The lines to find are those in the entries that hold the word "Structural"; copy every one of them.

**Stored data**
*** Block opens ***
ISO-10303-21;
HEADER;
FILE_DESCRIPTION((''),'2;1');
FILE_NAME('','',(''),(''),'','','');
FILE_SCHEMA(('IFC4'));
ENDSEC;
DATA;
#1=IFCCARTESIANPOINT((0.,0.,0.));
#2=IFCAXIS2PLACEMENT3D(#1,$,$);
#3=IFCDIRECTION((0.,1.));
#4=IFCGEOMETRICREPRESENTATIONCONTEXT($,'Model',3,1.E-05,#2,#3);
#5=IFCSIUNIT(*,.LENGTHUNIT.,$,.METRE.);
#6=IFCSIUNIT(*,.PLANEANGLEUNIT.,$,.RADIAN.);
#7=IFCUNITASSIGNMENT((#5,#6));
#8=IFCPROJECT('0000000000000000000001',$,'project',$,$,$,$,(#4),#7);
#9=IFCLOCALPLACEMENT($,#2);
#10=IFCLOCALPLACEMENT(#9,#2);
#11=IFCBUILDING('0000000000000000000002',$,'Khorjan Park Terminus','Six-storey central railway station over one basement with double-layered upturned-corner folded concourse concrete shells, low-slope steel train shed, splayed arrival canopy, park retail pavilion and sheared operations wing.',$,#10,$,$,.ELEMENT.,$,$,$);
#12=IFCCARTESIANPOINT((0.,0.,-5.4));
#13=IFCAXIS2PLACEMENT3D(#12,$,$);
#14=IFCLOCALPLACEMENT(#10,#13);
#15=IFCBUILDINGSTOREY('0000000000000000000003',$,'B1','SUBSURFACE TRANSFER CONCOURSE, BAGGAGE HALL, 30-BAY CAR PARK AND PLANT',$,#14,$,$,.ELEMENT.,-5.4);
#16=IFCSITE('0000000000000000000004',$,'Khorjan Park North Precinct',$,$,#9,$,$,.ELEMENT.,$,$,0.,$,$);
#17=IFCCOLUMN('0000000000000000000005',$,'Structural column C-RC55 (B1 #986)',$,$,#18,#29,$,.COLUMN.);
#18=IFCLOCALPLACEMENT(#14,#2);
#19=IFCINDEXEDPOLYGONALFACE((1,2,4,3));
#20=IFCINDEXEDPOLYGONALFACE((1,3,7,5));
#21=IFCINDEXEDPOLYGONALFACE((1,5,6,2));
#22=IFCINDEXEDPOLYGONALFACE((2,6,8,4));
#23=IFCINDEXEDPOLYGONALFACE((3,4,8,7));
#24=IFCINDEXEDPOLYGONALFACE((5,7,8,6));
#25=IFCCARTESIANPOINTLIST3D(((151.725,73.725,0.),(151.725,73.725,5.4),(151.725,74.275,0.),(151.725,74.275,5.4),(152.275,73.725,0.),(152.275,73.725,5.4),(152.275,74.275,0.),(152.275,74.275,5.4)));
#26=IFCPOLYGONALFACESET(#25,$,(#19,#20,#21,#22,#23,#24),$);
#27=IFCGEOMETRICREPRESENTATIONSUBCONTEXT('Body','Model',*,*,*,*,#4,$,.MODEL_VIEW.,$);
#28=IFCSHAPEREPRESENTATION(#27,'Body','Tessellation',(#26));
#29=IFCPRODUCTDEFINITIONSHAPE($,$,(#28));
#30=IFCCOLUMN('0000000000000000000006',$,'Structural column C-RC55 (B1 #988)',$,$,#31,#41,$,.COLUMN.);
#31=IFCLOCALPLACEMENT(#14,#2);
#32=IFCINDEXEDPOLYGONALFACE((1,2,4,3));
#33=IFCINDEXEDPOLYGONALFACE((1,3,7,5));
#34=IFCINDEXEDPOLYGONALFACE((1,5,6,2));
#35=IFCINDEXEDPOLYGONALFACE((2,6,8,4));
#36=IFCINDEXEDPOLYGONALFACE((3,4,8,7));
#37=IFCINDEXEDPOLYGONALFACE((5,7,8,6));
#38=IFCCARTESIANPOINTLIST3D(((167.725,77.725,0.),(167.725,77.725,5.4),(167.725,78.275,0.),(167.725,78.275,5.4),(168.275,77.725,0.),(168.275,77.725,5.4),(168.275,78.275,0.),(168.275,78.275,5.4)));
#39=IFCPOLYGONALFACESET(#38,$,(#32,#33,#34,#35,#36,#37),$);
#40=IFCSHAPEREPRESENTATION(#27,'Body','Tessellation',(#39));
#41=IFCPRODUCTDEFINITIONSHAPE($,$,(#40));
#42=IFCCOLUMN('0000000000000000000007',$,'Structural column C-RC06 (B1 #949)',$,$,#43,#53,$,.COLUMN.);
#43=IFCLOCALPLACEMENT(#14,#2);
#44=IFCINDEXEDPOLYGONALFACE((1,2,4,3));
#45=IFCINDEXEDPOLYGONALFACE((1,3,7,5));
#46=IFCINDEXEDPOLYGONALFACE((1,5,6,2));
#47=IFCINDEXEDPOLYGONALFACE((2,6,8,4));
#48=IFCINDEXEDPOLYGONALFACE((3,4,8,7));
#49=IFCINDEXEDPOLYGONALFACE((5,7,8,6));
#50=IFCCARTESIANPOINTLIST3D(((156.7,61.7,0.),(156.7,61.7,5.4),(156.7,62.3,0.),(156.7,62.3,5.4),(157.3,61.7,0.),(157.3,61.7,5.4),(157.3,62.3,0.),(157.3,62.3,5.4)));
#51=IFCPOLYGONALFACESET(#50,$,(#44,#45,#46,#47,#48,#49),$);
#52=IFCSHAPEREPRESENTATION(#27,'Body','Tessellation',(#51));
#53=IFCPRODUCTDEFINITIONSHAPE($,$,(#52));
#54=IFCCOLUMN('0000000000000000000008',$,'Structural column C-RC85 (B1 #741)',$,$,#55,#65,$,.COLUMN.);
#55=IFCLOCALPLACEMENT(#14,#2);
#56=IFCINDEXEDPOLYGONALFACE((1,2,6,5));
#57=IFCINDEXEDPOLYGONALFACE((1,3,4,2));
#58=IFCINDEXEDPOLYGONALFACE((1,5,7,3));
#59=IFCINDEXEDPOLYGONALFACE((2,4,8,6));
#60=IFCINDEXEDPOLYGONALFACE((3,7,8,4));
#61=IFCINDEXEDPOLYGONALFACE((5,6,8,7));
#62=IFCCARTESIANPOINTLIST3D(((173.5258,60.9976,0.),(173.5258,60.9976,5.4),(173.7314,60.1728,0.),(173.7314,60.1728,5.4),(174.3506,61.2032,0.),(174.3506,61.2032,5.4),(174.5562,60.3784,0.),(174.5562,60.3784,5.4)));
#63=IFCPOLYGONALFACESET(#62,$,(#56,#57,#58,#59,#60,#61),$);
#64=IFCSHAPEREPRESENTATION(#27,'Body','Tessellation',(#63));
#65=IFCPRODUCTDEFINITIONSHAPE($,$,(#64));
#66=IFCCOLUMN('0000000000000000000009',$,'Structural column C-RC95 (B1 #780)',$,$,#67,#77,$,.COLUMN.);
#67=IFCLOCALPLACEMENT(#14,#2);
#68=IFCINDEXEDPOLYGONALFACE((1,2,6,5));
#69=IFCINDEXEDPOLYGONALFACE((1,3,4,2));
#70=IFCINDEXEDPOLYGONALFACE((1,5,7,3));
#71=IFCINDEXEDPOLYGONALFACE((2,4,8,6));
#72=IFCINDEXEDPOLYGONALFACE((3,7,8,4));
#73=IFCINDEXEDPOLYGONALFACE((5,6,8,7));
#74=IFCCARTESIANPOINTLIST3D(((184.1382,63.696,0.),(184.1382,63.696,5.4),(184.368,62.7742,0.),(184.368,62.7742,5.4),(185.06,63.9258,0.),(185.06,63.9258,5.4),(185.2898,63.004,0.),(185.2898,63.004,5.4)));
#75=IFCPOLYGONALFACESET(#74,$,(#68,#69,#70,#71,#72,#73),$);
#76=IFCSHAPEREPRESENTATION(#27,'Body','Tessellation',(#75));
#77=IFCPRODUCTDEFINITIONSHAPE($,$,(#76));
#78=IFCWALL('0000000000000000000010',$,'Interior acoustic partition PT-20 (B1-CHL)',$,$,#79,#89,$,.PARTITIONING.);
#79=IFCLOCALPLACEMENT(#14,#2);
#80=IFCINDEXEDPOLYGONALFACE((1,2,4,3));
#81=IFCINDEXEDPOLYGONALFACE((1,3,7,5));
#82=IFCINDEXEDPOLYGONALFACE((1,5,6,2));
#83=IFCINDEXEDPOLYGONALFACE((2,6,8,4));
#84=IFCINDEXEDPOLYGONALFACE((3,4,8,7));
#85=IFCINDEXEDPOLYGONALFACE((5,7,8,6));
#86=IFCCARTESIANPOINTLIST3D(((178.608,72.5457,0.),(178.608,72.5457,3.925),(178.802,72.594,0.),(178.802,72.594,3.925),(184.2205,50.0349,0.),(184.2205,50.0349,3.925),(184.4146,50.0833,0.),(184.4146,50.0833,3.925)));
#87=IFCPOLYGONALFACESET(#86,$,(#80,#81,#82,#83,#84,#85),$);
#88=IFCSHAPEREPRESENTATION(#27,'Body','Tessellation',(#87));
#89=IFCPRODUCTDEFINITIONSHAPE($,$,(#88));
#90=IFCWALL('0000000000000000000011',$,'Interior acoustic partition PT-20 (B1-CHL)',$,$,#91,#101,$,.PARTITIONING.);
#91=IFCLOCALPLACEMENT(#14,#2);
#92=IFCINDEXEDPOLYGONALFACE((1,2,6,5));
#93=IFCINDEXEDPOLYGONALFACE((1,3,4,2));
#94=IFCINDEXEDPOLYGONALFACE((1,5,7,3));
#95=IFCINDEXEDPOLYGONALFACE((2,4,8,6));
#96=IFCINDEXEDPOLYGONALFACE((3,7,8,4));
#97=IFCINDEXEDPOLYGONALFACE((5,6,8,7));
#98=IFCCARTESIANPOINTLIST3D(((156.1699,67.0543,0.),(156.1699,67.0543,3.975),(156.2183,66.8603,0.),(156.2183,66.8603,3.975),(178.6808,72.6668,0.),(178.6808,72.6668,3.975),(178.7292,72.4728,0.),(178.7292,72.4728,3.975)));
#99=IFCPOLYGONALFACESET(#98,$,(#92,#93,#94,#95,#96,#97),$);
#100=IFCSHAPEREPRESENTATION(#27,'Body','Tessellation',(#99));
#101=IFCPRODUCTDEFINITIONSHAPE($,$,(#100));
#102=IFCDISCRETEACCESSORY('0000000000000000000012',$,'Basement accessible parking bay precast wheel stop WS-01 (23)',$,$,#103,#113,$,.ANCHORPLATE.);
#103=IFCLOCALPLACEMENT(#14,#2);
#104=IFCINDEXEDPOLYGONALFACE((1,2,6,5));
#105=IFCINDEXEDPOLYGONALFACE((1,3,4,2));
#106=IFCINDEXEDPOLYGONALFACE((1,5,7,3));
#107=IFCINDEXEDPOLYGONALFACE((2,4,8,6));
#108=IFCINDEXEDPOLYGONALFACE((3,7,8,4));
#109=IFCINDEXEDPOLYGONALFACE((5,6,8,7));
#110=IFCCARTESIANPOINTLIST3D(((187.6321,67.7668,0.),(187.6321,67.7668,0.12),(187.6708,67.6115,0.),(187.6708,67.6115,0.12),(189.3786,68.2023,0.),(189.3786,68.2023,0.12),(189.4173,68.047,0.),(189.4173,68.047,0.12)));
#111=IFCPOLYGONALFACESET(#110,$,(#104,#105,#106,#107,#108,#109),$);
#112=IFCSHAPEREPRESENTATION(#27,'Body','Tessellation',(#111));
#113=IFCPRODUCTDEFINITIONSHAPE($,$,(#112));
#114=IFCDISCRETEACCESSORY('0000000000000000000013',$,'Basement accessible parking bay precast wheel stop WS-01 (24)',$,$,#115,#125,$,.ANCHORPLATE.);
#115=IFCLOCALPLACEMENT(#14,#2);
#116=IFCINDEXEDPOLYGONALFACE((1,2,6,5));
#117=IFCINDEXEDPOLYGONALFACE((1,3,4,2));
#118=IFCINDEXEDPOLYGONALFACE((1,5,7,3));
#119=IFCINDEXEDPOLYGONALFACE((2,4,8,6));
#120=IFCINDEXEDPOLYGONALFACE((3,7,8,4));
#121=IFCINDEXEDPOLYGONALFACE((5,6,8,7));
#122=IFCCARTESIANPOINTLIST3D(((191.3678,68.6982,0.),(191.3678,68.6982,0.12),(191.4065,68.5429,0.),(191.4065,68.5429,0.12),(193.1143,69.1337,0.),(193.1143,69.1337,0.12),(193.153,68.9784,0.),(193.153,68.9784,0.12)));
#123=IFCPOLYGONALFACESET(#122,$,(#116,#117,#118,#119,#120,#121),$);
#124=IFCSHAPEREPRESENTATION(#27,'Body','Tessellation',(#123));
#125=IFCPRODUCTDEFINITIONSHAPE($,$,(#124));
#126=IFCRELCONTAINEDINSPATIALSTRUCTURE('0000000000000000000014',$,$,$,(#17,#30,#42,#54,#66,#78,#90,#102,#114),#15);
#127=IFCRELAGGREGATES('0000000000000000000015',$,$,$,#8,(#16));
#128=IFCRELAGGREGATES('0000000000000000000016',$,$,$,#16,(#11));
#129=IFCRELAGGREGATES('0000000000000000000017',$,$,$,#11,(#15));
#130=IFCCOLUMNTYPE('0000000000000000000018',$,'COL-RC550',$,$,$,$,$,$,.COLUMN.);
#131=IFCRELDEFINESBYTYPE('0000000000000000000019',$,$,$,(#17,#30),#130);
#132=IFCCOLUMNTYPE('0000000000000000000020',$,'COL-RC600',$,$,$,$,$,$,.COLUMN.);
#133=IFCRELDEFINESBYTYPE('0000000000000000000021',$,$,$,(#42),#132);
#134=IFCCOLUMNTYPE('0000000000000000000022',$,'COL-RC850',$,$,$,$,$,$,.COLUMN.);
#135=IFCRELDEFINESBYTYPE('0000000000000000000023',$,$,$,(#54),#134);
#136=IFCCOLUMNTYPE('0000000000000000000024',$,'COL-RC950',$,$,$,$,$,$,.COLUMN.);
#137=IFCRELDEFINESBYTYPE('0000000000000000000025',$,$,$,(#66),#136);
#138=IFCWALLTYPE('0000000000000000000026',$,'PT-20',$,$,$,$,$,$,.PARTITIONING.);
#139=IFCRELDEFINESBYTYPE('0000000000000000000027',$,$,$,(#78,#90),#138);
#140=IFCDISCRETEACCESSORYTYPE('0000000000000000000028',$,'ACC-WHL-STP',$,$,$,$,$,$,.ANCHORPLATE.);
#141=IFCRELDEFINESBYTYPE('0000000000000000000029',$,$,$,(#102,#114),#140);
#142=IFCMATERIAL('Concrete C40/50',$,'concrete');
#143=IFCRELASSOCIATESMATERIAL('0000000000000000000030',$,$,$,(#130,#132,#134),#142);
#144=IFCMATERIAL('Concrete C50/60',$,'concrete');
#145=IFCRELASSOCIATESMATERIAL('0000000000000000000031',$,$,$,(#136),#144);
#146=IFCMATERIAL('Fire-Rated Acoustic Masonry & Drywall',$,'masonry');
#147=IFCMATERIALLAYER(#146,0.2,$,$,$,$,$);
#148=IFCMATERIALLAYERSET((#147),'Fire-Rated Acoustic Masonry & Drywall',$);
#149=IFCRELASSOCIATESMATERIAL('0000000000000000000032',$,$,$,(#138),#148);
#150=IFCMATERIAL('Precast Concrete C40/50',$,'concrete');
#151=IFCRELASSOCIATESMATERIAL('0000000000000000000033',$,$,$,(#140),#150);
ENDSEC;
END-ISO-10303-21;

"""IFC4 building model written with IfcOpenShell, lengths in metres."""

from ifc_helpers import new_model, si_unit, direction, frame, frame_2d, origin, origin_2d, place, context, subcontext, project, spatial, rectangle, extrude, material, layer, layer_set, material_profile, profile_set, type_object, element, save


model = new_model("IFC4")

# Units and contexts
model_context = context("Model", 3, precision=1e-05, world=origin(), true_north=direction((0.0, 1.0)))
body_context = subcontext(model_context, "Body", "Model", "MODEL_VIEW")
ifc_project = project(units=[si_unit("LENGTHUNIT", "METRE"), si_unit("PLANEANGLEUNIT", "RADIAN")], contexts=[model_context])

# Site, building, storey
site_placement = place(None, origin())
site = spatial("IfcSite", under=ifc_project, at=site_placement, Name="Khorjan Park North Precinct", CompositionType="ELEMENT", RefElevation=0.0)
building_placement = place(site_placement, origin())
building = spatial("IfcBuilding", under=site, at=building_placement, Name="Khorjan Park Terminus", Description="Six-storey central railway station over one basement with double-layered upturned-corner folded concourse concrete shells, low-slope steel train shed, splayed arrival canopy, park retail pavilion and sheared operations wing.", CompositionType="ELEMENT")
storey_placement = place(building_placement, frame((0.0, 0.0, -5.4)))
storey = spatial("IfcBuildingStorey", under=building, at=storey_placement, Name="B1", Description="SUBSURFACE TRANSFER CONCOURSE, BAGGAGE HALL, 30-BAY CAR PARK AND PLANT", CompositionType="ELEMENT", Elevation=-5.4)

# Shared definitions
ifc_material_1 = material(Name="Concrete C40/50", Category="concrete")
*** Block closes ***
**ANSWER**
#17=IFCCOLUMN('0000000000000000000005',$,'Structural column C-RC55 (B1 #986)',$,$,#18,#29,$,.COLUMN.);
#30=IFCCOLUMN('0000000000000000000006',$,'Structural column C-RC55 (B1 #988)',$,$,#31,#41,$,.COLUMN.);
#42=IFCCOLUMN('0000000000000000000007',$,'Structural column C-RC06 (B1 #949)',$,$,#43,#53,$,.COLUMN.);
#54=IFCCOLUMN('0000000000000000000008',$,'Structural column C-RC85 (B1 #741)',$,$,#55,#65,$,.COLUMN.);
#66=IFCCOLUMN('0000000000000000000009',$,'Structural column C-RC95 (B1 #780)',$,$,#67,#77,$,.COLUMN.);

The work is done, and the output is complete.